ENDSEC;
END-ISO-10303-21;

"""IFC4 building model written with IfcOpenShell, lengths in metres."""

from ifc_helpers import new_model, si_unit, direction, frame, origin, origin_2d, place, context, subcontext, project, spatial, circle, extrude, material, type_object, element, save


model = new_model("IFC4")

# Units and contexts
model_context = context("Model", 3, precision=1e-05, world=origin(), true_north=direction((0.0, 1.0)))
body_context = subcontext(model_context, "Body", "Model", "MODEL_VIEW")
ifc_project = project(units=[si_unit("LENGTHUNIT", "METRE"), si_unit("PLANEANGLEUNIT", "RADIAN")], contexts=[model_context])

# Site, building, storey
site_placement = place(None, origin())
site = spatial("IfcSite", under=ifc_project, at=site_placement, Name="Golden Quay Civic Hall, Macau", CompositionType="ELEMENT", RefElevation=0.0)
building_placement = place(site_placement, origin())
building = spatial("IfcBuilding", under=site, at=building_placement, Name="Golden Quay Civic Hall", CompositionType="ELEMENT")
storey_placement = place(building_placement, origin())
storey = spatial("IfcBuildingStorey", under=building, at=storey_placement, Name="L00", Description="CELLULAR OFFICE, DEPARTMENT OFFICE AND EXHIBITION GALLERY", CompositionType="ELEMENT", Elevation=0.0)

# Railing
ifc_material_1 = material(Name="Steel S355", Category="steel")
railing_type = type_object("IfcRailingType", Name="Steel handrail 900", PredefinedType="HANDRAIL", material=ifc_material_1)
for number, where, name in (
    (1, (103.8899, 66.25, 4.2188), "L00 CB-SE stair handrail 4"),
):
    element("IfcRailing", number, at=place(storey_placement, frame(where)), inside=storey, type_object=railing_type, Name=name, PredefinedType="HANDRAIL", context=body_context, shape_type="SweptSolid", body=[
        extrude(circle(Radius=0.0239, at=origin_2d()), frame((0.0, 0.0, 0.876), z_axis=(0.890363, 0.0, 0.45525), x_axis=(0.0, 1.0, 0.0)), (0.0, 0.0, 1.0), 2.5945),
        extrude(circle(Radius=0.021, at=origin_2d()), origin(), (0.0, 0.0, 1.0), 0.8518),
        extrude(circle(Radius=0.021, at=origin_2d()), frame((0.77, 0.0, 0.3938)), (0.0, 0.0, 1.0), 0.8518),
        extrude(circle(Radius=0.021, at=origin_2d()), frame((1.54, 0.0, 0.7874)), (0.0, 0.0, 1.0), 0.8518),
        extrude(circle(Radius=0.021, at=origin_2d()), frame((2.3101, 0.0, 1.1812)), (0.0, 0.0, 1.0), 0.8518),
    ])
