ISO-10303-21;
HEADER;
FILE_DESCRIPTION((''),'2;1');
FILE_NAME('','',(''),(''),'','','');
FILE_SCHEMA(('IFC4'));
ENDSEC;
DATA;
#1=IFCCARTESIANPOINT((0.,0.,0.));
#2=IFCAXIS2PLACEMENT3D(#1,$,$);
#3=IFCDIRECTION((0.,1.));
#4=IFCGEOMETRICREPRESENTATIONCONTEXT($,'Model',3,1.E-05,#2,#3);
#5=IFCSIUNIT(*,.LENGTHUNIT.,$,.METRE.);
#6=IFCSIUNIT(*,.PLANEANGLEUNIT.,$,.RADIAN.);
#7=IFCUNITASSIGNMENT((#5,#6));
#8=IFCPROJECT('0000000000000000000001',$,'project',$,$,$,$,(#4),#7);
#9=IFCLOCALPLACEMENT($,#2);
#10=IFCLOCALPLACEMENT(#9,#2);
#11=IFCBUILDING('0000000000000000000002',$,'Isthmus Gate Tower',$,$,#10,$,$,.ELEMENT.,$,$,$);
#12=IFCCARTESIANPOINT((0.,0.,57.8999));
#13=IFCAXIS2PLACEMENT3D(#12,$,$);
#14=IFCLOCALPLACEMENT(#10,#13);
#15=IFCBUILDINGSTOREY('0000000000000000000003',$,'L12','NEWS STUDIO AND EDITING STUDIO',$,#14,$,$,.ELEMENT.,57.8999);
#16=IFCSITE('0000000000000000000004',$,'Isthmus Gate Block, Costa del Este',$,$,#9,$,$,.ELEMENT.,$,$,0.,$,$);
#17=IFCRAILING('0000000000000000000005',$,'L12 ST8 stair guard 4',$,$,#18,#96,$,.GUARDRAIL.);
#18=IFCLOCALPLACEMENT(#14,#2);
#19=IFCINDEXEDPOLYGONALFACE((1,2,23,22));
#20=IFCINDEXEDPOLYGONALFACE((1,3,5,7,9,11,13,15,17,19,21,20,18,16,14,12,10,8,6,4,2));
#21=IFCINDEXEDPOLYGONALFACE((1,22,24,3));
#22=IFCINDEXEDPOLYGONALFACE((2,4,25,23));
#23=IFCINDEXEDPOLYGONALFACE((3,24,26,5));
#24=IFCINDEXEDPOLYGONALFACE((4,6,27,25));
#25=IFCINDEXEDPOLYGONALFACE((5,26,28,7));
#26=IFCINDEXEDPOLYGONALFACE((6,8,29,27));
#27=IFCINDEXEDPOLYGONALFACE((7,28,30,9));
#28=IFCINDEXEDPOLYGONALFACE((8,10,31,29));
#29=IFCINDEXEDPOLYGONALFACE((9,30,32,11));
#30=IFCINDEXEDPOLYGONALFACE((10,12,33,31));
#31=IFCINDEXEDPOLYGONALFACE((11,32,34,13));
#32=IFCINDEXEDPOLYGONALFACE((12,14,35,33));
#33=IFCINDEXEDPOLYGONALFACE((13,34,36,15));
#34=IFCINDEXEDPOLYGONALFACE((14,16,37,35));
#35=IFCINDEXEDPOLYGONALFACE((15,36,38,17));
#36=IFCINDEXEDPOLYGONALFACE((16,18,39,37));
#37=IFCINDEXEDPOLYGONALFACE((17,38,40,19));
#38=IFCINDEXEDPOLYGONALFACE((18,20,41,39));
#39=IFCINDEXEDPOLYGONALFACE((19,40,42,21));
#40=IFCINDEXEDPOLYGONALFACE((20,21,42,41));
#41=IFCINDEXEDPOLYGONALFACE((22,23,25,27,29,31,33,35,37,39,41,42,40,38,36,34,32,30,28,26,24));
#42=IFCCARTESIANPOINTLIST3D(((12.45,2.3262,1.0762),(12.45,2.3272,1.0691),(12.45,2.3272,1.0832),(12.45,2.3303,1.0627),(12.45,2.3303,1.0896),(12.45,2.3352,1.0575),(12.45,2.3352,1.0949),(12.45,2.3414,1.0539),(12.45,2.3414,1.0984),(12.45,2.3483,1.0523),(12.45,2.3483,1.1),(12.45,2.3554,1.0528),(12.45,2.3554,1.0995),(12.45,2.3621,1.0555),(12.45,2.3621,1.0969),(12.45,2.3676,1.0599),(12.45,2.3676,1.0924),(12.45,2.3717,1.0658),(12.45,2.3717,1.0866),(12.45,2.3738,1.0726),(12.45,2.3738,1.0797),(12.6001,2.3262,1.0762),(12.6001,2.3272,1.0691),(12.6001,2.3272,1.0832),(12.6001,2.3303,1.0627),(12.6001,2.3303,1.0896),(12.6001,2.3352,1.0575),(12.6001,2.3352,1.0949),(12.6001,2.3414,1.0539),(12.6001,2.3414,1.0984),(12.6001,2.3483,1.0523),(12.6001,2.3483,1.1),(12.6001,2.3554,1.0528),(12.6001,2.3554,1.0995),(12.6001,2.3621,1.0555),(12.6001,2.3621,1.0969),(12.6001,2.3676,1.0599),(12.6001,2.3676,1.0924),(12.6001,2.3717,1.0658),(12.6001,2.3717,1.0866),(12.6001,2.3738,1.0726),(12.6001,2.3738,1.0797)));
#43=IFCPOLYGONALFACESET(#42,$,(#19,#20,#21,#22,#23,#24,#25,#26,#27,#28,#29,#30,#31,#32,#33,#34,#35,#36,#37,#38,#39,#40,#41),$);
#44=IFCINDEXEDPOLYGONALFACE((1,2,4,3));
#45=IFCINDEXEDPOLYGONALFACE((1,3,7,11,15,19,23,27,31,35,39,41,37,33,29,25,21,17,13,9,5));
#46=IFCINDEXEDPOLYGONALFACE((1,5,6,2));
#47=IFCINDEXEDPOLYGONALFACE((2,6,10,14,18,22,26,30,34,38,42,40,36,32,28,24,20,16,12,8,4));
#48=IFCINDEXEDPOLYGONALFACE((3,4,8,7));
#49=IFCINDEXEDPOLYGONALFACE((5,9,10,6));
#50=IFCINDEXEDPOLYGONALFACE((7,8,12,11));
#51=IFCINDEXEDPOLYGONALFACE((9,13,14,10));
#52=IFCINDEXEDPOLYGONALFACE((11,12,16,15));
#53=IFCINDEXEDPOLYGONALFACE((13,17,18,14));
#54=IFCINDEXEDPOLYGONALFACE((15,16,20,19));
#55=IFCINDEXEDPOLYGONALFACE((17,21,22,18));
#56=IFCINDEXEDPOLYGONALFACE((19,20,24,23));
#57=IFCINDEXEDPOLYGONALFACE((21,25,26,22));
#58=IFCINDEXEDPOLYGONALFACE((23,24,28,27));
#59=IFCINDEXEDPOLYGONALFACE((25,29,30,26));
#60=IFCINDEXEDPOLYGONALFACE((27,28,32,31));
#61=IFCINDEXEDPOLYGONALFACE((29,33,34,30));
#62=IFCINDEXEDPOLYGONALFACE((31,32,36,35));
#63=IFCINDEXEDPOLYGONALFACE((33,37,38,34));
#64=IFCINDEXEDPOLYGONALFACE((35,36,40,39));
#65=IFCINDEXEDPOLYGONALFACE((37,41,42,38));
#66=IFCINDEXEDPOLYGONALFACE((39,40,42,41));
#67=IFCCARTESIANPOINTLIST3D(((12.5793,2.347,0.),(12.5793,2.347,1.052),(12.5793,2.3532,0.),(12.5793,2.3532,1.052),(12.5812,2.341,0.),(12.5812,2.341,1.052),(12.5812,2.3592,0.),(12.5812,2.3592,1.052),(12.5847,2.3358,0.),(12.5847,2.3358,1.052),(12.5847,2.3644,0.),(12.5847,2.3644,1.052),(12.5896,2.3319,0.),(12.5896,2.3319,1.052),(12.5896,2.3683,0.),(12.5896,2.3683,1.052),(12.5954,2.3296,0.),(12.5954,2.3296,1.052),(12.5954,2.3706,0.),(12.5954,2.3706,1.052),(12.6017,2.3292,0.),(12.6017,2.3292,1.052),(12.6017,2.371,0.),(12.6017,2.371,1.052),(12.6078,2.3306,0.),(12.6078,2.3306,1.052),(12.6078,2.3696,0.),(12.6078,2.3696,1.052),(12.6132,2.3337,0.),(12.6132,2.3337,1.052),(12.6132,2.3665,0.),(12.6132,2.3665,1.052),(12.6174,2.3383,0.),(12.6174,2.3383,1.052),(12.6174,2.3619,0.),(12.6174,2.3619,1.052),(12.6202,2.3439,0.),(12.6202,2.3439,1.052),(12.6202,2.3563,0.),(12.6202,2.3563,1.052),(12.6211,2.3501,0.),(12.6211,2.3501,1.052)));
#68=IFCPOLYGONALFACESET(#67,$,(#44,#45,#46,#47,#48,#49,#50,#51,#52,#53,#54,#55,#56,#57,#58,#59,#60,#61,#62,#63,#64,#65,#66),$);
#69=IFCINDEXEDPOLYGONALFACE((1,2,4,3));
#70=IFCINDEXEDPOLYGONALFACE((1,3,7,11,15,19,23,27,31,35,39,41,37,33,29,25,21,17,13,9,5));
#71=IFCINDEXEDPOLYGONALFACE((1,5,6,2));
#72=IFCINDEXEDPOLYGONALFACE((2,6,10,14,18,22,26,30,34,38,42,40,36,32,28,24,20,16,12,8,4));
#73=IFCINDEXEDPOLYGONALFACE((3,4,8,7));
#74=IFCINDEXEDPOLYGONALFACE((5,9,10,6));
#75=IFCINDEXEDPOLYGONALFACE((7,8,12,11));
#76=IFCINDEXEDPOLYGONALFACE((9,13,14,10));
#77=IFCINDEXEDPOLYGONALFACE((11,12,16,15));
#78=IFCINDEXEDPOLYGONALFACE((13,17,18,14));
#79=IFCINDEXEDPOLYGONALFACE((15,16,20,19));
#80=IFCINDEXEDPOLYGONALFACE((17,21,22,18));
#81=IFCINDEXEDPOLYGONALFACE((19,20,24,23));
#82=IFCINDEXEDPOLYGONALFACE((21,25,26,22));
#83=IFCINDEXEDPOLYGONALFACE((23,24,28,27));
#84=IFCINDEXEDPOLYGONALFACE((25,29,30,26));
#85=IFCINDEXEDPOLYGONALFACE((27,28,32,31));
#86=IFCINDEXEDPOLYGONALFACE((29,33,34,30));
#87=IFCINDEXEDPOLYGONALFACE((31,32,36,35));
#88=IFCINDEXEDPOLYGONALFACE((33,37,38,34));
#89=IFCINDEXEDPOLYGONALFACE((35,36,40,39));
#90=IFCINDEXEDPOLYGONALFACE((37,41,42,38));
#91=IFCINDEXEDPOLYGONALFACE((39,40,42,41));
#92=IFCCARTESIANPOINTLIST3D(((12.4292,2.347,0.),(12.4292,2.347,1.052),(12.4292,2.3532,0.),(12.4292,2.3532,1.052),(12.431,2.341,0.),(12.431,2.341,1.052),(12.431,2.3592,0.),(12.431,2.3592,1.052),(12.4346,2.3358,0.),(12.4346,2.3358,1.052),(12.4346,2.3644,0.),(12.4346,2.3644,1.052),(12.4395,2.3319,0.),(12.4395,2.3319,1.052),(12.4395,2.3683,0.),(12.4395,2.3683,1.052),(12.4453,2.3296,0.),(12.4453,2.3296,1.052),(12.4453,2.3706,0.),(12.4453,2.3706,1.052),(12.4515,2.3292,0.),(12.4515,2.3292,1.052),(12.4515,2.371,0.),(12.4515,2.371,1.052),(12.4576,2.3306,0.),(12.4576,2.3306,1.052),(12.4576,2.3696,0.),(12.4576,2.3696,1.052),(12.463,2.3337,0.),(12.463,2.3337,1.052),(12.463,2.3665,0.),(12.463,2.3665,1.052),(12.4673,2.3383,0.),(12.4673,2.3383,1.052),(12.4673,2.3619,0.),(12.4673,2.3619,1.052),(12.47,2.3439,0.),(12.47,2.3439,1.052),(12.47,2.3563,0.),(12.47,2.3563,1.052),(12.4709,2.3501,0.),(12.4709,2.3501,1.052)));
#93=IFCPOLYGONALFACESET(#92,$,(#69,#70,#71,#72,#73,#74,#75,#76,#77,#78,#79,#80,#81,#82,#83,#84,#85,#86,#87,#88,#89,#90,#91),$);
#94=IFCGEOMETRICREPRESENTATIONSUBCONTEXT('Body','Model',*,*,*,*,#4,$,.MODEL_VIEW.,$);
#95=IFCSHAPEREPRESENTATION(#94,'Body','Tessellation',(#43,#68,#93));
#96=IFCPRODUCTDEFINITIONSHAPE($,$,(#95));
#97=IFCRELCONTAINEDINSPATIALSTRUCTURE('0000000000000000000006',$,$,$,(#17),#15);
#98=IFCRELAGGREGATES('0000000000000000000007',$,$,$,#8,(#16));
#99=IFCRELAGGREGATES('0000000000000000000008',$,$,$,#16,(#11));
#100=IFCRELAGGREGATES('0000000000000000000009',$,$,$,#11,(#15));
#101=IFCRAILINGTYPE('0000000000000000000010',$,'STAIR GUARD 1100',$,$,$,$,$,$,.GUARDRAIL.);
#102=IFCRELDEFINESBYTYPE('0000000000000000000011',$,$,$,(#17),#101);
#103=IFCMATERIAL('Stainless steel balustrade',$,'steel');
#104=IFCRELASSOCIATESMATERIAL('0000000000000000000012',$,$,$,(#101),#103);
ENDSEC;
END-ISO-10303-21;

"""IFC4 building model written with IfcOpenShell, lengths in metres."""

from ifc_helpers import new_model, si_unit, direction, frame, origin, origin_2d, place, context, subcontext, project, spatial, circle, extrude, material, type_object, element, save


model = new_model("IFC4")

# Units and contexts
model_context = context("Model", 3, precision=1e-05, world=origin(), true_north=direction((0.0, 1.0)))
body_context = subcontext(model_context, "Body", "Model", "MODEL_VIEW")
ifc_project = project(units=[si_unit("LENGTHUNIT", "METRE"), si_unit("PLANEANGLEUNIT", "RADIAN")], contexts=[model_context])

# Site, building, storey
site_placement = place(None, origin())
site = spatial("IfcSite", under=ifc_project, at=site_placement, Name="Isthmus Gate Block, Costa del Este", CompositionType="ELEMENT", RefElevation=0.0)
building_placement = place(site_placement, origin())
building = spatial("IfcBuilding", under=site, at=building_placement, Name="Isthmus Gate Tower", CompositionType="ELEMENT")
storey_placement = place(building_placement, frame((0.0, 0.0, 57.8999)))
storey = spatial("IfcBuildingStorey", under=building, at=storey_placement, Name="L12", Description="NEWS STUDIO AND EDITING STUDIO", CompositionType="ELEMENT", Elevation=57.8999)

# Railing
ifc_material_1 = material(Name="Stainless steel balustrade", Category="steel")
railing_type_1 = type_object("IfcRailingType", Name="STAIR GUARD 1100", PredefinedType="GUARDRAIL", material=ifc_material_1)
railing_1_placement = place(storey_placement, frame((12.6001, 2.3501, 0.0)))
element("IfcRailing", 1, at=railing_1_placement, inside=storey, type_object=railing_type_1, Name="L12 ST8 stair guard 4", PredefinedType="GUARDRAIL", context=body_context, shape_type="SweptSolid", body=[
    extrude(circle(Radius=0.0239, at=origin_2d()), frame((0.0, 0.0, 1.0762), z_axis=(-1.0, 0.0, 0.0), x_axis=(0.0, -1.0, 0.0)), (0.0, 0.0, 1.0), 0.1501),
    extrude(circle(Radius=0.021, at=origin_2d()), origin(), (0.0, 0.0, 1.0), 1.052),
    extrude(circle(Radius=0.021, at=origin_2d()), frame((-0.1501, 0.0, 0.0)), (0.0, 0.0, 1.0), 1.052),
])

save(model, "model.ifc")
---+---
What to produce | Using the data above, extract exactly the lines from the one that holds "#75=IFCINDEXEDPOLYGONALFACE((7,8,12,11));" to the one that holds "#80=IFCINDEXEDPOLYGONALFACE((17,21,22,18));", both ends included, and no others.

Reply |
#75=IFCINDEXEDPOLYGONALFACE((7,8,12,11));
#76=IFCINDEXEDPOLYGONALFACE((9,13,14,10));
#77=IFCINDEXEDPOLYGONALFACE((11,12,16,15));
#78=IFCINDEXEDPOLYGONALFACE((13,17,18,14));
#79=IFCINDEXEDPOLYGONALFACE((15,16,20,19));
#80=IFCINDEXEDPOLYGONALFACE((17,21,22,18));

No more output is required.